Required action: Set down exactly the lines below, starting at the one that contains "#169=IFCRELAGGREGATES('0000000000000000000019',$,$,$,#11,(#15));" and ending at the one that contains "#172=IFCBEAMTYPE('0000000000000000000022',$,'RC EDGE BEAM", with both of those lines included and nothing else.

Record extracts below:

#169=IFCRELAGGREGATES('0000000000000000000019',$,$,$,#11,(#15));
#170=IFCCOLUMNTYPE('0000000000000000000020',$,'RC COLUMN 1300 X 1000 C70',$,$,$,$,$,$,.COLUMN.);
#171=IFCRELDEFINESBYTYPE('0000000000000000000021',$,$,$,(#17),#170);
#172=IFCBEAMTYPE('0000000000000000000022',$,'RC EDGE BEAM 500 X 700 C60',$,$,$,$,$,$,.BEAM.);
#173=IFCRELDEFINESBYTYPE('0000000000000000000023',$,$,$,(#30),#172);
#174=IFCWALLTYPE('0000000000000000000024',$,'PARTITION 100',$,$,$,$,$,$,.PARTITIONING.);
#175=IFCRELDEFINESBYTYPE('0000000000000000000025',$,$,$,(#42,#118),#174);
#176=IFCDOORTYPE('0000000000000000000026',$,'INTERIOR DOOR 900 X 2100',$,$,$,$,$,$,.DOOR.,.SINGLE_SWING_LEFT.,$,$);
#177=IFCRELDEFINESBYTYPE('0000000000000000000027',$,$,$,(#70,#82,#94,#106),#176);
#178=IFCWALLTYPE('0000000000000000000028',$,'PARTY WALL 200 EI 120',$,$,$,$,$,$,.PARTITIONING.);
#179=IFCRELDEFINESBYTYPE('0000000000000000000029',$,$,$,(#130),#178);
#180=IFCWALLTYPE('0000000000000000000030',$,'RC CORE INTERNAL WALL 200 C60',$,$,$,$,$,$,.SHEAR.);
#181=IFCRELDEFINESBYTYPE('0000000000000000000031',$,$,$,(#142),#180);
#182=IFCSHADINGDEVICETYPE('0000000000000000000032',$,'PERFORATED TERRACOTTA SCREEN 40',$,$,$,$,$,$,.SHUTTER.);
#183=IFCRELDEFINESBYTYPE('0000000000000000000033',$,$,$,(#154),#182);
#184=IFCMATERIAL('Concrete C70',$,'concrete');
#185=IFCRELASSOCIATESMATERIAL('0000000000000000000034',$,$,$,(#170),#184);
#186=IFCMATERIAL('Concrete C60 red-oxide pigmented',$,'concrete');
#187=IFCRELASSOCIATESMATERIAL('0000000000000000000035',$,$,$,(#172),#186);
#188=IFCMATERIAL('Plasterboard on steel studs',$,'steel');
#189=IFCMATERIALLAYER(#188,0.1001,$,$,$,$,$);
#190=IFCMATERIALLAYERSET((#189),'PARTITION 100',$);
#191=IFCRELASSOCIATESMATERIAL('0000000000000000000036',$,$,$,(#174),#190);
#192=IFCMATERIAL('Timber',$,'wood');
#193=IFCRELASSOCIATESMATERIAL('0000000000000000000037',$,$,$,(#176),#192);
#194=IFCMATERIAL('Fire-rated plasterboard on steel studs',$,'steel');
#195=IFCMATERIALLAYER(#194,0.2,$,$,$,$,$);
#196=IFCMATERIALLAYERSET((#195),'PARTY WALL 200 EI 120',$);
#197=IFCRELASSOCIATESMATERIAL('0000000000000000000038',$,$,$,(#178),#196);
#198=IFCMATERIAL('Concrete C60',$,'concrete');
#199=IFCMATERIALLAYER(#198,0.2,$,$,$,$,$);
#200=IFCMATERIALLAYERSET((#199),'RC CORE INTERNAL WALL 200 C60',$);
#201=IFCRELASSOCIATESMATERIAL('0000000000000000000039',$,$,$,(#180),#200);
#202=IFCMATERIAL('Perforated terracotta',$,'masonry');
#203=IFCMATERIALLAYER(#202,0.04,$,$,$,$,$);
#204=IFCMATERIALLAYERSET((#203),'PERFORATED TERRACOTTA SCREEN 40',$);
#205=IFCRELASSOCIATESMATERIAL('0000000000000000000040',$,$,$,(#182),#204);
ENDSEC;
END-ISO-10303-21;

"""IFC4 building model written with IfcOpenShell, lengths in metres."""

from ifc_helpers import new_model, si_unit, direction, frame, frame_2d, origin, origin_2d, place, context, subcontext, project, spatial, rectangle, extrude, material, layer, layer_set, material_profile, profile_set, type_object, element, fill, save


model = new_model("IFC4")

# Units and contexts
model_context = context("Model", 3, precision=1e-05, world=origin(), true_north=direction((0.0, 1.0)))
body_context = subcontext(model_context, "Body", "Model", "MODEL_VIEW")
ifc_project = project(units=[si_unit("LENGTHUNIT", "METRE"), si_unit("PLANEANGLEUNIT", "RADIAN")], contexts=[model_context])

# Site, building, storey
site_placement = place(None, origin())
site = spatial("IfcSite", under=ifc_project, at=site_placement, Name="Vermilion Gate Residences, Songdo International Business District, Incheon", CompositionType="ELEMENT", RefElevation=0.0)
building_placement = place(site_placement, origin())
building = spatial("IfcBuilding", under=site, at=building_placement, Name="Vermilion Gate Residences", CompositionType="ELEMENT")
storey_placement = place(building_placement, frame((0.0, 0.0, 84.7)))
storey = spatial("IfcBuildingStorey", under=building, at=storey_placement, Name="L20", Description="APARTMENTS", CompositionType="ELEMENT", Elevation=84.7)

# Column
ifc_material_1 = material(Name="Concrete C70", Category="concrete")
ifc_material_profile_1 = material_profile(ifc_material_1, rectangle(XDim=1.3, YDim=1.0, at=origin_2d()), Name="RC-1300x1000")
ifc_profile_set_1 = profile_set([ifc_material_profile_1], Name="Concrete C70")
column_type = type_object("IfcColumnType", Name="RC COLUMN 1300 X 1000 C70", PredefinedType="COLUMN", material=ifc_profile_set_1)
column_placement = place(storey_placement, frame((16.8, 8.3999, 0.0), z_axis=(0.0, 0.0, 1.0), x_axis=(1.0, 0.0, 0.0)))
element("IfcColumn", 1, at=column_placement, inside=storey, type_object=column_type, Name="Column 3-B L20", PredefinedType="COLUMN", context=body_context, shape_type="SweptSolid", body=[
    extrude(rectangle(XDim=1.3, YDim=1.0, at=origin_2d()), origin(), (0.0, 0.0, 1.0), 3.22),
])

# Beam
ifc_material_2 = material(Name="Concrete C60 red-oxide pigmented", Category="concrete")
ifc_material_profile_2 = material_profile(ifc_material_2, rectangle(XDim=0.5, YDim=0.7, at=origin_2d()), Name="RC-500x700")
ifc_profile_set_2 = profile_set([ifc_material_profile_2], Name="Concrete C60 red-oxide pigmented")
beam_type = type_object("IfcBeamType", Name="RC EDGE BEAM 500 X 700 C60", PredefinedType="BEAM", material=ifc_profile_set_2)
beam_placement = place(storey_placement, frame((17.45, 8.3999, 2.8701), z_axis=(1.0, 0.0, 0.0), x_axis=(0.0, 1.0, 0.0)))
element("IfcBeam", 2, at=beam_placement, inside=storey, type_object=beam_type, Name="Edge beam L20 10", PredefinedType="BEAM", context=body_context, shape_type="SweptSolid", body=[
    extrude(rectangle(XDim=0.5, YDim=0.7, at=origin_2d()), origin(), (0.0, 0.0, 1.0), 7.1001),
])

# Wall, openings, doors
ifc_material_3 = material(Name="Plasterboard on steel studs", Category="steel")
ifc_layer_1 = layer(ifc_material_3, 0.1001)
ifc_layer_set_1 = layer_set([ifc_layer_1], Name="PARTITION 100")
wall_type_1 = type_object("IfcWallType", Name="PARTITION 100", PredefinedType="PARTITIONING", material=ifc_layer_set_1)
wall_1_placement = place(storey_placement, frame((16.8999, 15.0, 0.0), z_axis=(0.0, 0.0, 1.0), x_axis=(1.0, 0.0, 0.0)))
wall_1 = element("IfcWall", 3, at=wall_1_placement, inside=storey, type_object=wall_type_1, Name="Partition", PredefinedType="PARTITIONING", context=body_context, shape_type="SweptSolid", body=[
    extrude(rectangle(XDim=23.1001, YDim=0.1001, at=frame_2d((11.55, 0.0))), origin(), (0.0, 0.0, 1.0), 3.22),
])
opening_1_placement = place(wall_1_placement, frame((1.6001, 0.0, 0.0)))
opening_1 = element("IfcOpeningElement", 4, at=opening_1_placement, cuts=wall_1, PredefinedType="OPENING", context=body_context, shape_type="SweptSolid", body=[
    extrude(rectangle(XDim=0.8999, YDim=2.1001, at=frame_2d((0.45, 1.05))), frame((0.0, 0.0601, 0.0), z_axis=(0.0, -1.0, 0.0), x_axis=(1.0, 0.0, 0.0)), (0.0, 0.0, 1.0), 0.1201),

End of Record extracts.
Record extracts below:

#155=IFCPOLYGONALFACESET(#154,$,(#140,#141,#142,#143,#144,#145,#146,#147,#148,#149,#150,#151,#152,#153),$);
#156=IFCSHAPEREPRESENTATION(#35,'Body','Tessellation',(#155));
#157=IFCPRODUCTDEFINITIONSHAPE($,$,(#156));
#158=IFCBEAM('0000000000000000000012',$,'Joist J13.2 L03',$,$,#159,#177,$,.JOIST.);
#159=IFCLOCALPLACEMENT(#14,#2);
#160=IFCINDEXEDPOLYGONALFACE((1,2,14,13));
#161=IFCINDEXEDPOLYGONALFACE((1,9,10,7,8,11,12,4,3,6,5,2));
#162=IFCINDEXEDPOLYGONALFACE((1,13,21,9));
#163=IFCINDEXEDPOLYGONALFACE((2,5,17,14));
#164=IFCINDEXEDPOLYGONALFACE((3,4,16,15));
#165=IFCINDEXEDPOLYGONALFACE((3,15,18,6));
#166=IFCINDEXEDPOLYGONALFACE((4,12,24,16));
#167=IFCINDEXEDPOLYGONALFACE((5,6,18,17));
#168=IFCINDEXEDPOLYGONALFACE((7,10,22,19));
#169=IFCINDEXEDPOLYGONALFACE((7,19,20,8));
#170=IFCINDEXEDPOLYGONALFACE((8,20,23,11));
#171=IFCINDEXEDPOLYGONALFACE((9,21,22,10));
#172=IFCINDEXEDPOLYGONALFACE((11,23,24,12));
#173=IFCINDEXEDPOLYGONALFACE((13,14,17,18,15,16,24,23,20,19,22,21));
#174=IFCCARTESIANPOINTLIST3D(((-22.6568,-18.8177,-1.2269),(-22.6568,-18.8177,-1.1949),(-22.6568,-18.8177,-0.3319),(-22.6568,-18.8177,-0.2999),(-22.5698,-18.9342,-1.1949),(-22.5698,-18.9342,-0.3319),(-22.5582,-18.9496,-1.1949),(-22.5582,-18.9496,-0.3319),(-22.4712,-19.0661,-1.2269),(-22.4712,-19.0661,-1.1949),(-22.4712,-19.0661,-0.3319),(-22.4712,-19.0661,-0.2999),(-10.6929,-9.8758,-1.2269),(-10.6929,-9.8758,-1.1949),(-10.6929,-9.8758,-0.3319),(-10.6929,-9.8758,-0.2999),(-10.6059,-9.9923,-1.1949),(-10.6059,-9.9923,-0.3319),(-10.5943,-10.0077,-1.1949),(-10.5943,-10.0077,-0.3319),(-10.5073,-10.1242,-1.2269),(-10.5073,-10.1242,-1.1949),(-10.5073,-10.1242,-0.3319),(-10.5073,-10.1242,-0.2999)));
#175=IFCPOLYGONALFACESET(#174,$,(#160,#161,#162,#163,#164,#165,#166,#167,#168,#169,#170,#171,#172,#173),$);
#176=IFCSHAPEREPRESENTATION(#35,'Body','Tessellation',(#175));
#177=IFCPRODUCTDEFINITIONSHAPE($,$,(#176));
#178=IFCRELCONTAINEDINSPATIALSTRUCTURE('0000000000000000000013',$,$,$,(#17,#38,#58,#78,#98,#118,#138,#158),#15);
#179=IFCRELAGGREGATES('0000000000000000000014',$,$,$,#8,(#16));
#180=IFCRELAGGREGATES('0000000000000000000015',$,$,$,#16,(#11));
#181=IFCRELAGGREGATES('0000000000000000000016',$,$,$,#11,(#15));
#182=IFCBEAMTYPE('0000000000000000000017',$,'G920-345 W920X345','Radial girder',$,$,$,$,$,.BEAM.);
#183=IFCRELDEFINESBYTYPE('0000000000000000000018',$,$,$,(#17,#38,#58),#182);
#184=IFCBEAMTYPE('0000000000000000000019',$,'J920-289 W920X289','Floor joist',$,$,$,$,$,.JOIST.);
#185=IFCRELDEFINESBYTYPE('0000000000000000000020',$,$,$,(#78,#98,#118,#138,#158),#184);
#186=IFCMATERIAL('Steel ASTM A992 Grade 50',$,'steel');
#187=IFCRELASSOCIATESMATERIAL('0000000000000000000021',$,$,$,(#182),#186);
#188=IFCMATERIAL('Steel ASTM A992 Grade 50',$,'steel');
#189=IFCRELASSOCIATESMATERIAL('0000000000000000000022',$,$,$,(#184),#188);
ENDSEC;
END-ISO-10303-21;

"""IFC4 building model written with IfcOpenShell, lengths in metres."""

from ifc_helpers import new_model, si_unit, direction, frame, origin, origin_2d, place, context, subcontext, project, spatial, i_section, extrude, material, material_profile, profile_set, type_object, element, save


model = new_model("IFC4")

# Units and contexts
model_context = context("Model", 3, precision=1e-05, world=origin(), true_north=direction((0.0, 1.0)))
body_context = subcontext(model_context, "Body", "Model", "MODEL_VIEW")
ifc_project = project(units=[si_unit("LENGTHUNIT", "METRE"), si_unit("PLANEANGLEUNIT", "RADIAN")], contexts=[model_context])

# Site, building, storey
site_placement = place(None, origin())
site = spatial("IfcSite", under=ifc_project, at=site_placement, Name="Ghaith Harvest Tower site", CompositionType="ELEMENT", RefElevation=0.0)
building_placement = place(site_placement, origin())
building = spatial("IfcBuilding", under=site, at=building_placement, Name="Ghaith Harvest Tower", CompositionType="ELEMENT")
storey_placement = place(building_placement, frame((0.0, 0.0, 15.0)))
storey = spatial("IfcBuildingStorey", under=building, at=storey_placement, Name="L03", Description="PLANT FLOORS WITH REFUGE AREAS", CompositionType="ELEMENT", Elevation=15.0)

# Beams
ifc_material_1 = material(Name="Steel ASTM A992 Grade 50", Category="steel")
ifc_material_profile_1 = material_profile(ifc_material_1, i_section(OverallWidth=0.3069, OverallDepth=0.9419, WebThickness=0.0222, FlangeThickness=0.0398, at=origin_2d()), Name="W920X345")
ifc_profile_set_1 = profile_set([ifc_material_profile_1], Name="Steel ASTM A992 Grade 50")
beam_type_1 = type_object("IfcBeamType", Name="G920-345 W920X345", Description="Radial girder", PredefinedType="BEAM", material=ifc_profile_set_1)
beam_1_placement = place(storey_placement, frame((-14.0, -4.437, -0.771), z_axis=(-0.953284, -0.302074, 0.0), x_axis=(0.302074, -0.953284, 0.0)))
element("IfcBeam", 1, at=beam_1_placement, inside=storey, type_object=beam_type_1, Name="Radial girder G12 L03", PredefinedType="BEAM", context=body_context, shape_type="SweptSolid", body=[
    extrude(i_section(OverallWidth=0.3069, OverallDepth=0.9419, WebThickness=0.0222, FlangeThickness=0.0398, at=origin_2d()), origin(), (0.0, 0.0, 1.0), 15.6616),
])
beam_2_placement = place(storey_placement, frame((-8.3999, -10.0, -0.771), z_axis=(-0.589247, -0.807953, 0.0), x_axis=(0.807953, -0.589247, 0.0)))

End of Record extracts.
Record extracts below:

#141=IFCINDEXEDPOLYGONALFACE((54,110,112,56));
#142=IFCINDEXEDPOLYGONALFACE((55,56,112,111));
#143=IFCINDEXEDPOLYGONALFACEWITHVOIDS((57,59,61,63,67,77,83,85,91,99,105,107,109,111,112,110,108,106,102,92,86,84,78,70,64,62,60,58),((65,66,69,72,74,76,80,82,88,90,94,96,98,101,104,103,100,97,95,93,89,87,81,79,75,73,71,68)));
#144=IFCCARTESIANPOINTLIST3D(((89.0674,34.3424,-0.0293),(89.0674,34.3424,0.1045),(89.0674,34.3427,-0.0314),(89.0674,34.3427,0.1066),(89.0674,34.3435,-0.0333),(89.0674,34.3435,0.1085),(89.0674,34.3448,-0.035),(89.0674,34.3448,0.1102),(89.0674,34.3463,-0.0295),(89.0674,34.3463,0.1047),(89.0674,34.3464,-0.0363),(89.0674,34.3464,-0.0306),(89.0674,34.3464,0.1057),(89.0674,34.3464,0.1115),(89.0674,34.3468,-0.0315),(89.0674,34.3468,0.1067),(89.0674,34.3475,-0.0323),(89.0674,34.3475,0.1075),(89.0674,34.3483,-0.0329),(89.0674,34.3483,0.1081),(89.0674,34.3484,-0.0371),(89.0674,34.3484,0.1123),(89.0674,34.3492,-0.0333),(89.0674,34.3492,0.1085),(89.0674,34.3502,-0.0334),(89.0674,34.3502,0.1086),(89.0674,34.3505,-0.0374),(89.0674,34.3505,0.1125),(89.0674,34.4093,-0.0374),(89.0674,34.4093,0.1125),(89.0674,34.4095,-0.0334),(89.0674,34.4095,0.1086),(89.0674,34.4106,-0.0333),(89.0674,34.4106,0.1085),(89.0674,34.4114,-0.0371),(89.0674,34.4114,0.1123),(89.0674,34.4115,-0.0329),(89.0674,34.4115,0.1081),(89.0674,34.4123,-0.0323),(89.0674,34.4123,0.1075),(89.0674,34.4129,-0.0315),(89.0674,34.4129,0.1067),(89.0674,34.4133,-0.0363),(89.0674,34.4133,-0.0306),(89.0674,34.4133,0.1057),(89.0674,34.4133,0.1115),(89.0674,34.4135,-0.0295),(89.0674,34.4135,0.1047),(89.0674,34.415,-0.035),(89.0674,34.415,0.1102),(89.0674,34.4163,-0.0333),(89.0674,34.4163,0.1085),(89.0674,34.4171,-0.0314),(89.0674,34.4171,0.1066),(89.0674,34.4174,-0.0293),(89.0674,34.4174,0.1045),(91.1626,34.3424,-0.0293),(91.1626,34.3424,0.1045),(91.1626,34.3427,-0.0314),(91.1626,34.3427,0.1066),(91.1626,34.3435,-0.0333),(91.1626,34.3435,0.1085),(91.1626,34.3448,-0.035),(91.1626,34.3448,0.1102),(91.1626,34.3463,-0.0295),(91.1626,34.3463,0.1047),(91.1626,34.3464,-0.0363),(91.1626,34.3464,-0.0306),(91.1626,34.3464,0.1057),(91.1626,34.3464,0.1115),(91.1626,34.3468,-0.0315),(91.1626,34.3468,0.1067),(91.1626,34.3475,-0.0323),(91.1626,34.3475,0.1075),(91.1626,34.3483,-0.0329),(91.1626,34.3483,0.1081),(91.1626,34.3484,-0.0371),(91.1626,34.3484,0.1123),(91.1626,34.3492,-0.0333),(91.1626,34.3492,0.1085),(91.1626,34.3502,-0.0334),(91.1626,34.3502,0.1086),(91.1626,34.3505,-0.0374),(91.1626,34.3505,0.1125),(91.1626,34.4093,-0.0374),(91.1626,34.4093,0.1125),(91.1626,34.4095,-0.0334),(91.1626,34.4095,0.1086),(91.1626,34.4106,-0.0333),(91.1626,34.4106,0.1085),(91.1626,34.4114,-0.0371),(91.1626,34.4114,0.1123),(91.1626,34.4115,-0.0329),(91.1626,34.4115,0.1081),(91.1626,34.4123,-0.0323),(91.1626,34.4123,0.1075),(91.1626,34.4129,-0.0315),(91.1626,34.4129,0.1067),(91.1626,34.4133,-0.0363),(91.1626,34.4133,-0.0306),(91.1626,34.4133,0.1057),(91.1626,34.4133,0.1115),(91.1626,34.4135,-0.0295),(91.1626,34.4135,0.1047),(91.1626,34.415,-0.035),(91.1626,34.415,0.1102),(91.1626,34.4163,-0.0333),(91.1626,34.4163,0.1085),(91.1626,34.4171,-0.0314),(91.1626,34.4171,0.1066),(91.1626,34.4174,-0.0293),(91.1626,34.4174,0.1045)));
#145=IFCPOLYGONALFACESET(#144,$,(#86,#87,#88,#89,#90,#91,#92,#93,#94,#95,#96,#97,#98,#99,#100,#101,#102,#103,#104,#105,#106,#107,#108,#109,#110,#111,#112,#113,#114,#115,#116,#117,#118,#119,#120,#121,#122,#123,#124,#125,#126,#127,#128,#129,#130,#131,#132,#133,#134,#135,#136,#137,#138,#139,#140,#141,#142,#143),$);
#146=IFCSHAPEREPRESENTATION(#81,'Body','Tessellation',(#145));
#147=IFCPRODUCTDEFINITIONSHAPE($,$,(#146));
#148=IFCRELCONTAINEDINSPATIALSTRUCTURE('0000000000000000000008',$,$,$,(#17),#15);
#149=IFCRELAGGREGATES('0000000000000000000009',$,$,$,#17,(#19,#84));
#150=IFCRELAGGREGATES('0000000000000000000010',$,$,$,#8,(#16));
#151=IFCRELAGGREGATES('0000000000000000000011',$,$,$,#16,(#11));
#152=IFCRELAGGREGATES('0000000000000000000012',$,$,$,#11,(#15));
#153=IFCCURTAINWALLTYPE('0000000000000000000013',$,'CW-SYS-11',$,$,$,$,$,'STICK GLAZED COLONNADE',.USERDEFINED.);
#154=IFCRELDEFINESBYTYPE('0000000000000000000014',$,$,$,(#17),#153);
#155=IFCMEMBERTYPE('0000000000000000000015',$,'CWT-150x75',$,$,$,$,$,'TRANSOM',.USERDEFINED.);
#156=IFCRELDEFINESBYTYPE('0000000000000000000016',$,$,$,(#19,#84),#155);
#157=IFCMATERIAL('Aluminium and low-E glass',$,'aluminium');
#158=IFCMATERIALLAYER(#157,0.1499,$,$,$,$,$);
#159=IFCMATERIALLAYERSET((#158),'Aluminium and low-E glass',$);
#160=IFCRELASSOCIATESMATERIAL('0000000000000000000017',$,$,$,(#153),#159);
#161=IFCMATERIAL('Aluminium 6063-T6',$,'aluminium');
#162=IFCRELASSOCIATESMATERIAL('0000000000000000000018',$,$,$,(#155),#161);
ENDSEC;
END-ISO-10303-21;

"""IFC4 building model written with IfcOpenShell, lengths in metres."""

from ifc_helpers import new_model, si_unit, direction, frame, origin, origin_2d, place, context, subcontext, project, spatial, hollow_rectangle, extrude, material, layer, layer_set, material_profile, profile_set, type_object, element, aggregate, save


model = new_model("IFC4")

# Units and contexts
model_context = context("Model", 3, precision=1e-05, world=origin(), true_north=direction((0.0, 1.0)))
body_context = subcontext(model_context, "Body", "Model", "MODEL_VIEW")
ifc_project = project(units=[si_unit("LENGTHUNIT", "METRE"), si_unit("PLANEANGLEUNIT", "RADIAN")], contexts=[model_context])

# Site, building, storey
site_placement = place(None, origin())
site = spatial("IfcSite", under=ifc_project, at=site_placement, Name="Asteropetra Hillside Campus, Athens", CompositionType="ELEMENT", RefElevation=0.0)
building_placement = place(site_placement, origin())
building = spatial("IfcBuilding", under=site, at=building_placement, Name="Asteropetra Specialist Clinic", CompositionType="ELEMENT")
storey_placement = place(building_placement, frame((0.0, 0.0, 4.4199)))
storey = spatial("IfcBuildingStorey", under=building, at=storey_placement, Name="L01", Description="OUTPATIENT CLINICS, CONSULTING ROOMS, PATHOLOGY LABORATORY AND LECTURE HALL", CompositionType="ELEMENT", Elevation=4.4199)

End of Record extracts.

Problem solution:
#169=IFCRELAGGREGATES('0000000000000000000019',$,$,$,#11,(#15));
#170=IFCCOLUMNTYPE('0000000000000000000020',$,'RC COLUMN 1300 X 1000 C70',$,$,$,$,$,$,.COLUMN.);
#171=IFCRELDEFINESBYTYPE('0000000000000000000021',$,$,$,(#17),#170);
#172=IFCBEAMTYPE('0000000000000000000022',$,'RC EDGE BEAM 500 X 700 C60',$,$,$,$,$,$,.BEAM.);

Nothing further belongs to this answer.